Only those lines in the data below from the line containing "#79=IFCMATERIALLAYER(#78,0.1299,$,$,$,$,$);" through the line containing "END-ISO-10303-21;", both included, should be restated word for word.

(Data shown begins)

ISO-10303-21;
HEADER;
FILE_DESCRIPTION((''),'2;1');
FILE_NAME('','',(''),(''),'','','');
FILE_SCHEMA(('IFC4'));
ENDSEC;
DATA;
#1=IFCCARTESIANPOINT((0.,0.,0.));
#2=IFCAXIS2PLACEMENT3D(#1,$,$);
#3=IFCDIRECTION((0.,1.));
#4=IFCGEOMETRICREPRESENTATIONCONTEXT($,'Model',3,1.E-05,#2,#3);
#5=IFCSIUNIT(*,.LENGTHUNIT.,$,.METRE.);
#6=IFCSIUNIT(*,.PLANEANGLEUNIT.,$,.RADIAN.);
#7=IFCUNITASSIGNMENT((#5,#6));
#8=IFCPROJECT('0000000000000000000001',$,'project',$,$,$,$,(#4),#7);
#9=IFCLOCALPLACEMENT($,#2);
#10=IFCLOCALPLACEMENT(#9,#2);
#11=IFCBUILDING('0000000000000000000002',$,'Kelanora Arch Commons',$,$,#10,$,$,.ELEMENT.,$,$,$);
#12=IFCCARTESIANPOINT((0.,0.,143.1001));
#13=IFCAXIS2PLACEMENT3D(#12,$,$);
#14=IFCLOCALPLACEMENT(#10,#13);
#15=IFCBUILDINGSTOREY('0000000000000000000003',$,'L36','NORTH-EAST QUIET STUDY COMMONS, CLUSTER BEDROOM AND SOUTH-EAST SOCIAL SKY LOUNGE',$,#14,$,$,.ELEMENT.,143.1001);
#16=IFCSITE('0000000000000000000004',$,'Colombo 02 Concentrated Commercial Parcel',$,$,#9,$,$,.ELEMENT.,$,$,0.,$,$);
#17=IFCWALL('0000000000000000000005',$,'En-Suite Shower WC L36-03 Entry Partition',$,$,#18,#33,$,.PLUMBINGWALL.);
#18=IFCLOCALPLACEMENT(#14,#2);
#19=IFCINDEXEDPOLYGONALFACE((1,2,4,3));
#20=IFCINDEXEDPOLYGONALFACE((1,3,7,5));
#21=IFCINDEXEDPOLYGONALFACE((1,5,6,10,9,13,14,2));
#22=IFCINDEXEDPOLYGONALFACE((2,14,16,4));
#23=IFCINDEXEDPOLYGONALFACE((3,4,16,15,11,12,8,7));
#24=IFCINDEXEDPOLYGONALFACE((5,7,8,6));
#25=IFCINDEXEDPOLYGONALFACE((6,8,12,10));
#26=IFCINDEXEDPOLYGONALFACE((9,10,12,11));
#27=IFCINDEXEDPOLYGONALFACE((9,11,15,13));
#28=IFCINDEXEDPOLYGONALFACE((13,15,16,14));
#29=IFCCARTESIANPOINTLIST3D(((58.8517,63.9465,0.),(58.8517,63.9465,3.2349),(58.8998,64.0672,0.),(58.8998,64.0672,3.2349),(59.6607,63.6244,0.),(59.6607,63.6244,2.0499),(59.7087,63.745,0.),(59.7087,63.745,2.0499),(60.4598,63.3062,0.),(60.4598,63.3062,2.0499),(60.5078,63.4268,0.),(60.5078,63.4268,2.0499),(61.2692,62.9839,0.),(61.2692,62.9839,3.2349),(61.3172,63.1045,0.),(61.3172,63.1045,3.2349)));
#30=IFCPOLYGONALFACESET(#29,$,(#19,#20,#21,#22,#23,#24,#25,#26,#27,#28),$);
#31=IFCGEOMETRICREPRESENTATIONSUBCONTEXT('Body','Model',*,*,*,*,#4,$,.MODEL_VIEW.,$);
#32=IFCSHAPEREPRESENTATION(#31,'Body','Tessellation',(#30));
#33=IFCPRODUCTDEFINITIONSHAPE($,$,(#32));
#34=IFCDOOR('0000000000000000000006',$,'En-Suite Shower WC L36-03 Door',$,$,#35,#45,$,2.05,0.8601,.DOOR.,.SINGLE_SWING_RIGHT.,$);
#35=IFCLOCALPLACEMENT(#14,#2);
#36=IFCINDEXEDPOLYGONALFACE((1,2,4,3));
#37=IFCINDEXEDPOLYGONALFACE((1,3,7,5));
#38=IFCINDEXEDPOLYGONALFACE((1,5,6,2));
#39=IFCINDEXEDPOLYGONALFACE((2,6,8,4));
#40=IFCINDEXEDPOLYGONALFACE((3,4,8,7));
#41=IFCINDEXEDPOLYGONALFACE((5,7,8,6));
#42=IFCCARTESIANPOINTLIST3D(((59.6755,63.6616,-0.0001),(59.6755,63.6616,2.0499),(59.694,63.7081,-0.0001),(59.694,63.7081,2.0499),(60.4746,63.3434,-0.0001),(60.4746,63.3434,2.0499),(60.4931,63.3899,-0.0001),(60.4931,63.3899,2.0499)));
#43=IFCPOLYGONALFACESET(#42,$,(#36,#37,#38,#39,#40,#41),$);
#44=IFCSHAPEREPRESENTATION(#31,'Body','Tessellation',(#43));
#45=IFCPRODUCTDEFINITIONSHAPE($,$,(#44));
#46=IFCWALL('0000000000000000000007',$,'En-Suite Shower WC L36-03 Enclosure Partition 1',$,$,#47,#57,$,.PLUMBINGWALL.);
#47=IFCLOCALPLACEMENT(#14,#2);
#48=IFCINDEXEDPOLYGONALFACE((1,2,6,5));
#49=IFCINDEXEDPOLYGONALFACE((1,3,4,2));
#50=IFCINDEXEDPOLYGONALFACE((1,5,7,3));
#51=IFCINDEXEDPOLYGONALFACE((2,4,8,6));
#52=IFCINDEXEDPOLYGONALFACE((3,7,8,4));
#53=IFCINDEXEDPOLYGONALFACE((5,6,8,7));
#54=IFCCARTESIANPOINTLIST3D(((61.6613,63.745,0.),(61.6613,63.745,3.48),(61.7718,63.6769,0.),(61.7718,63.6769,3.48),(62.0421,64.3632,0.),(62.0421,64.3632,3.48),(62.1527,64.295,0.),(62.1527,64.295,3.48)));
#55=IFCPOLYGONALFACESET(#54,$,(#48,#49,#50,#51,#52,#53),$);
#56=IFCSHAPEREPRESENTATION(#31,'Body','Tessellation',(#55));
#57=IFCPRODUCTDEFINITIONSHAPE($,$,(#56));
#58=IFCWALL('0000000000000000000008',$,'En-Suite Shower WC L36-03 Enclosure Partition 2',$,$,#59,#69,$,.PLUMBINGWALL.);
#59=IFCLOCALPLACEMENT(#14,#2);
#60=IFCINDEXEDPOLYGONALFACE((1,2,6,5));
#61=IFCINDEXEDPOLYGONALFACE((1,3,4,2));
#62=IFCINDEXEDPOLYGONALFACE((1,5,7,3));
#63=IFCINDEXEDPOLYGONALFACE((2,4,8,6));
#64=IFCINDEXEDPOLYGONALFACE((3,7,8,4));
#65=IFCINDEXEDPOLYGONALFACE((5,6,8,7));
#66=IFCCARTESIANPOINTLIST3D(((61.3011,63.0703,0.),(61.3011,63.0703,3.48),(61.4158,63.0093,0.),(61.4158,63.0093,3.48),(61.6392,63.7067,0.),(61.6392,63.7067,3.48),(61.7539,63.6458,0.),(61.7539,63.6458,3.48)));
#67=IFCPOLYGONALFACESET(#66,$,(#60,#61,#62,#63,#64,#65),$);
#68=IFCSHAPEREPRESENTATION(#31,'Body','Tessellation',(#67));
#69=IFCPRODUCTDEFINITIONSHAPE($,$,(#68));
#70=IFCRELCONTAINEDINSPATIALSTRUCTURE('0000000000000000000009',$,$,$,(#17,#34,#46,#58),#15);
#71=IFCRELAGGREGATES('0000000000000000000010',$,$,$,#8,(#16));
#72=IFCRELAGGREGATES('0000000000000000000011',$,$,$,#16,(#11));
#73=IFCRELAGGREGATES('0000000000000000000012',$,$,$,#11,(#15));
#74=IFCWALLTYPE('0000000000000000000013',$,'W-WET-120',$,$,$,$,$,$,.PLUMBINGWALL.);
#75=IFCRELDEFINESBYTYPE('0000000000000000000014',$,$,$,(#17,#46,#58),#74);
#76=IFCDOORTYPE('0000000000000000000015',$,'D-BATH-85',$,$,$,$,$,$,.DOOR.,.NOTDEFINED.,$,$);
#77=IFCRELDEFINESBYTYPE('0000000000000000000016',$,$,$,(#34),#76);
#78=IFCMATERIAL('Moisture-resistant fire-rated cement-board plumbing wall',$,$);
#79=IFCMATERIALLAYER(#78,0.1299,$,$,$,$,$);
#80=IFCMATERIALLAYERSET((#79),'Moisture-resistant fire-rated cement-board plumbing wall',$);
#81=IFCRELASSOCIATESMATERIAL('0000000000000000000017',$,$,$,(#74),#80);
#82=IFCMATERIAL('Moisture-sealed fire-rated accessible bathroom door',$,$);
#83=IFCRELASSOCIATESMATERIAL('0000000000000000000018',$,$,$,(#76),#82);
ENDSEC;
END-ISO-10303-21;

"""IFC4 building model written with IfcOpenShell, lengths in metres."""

from ifc_helpers import new_model, si_unit, direction, frame, frame_2d, origin, place, context, subcontext, project, spatial, rectangle, extrude, material, layer, layer_set, type_object, element, fill, save


model = new_model("IFC4")

# Units and contexts
model_context = context("Model", 3, precision=1e-05, world=origin(), true_north=direction((0.0, 1.0)))
body_context = subcontext(model_context, "Body", "Model", "MODEL_VIEW")
ifc_project = project(units=[si_unit("LENGTHUNIT", "METRE"), si_unit("PLANEANGLEUNIT", "RADIAN")], contexts=[model_context])

# Site, building, storey
site_placement = place(None, origin())
site = spatial("IfcSite", under=ifc_project, at=site_placement, Name="Colombo 02 Concentrated Commercial Parcel", CompositionType="ELEMENT", RefElevation=0.0)
building_placement = place(site_placement, origin())
building = spatial("IfcBuilding", under=site, at=building_placement, Name="Kelanora Arch Commons", CompositionType="ELEMENT")
storey_placement = place(building_placement, frame((0.0, 0.0, 143.1001)))
storey = spatial("IfcBuildingStorey", under=building, at=storey_placement, Name="L36", Description="NORTH-EAST QUIET STUDY COMMONS, CLUSTER BEDROOM AND SOUTH-EAST SOCIAL SKY LOUNGE", CompositionType="ELEMENT", Elevation=143.1001)

# Wall, opening, door
ifc_material_1 = material(Name="Moisture-resistant fire-rated cement-board plumbing wall")
ifc_layer_1 = layer(ifc_material_1, 0.1299)
ifc_layer_set_1 = layer_set([ifc_layer_1], Name="Moisture-resistant fire-rated cement-board plumbing wall")
wall_type_1 = type_object("IfcWallType", Name="W-WET-120", PredefinedType="PLUMBINGWALL", material=ifc_layer_set_1)
ifc_material_2 = material(Name="Moisture-sealed fire-rated accessible bathroom door")
door_type_1 = type_object("IfcDoorType", Name="D-BATH-85", OperationType="NOTDEFINED", PredefinedType="DOOR", material=ifc_material_2)
wall_1_placement = place(storey_placement, frame((61.2932, 63.0442, 0.0), z_axis=(0.0, 0.0, 1.0), x_axis=(-0.929051, 0.369951, 0.0)))
wall_1 = element("IfcWall", 1, at=wall_1_placement, inside=storey, type_object=wall_type_1, Name="En-Suite Shower WC L36-03 Entry Partition", PredefinedType="PLUMBINGWALL", context=body_context, shape_type="SweptSolid", body=[
    extrude(rectangle(XDim=2.6021, YDim=0.1299, at=frame_2d((1.301, 0.0))), origin(), (0.0, 0.0, 1.0), 3.2349),
])
opening_1_placement = place(wall_1_placement, frame((0.8711, 0.0, 0.0)))
opening_1 = element("IfcOpeningElement", 2, at=opening_1_placement, cuts=wall_1, PredefinedType="OPENING", context=body_context, shape_type="SweptSolid", body=[
    extrude(rectangle(XDim=0.8601, YDim=2.05, at=frame_2d((0.4302, 1.0249))), frame((0.0, 0.075, 0.0), z_axis=(0.0, -1.0, 0.0), x_axis=(1.0, 0.0, 0.0)), (0.0, 0.0, 1.0), 0.1499),
])
door_1_placement = place(opening_1_placement, origin())
door_1 = element("IfcDoor", 3, at=door_1_placement, inside=storey, type_object=door_type_1, Name="En-Suite Shower WC L36-03 Door", OperationType="SINGLE_SWING_RIGHT", OverallHeight=2.05, OverallWidth=0.8601, PredefinedType="DOOR", context=body_context, shape_type="SweptSolid", body=[
    extrude(rectangle(XDim=0.8601, YDim=2.05, at=frame_2d((0.4302, 1.0249))), frame((0.0, 0.0249, 0.0), z_axis=(0.0, -1.0, 0.0), x_axis=(1.0, 0.0, 0.0)), (0.0, 0.0, 1.0), 0.05),
])
fill(opening_1, door_1)

# Walls
wall_2_placement = place(storey_placement, frame((62.0974, 64.3291, 0.0), z_axis=(0.0, 0.0, 1.0), x_axis=(-0.524548, -0.851381, 0.0)))
element("IfcWall", 4, at=wall_2_placement, inside=storey, type_object=wall_type_1, Name="En-Suite Shower WC L36-03 Enclosure Partition 1", PredefinedType="PLUMBINGWALL", context=body_context, shape_type="SweptSolid", body=[
    extrude(rectangle(XDim=0.7261, YDim=0.1299, at=frame_2d((0.363, 0.0))), origin(), (0.0, 0.0, 1.0), 3.48),
])
wall_3_placement = place(storey_placement, frame((61.6965, 63.6763, 0.0), z_axis=(0.0, 0.0, 1.0), x_axis=(-0.469163, -0.883111, 0.0)))
element("IfcWall", 5, at=wall_3_placement, inside=storey, type_object=wall_type_1, Name="En-Suite Shower WC L36-03 Enclosure Partition 2", PredefinedType="PLUMBINGWALL", context=body_context, shape_type="SweptSolid", body=[
    extrude(rectangle(XDim=0.7207, YDim=0.1299, at=frame_2d((0.3604, 0.0))), origin(), (0.0, 0.0, 1.0), 3.48),
])

save(model, "model.ifc")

(Data shown ends)

Solution to this problem —
#79=IFCMATERIALLAYER(#78,0.1299,$,$,$,$,$);
#80=IFCMATERIALLAYERSET((#79),'Moisture-resistant fire-rated cement-board plumbing wall',$);
#81=IFCRELASSOCIATESMATERIAL('0000000000000000000017',$,$,$,(#74),#80);
#82=IFCMATERIAL('Moisture-sealed fire-rated accessible bathroom door',$,$);
#83=IFCRELASSOCIATESMATERIAL('0000000000000000000018',$,$,$,(#76),#82);
ENDSEC;
END-ISO-10303-21;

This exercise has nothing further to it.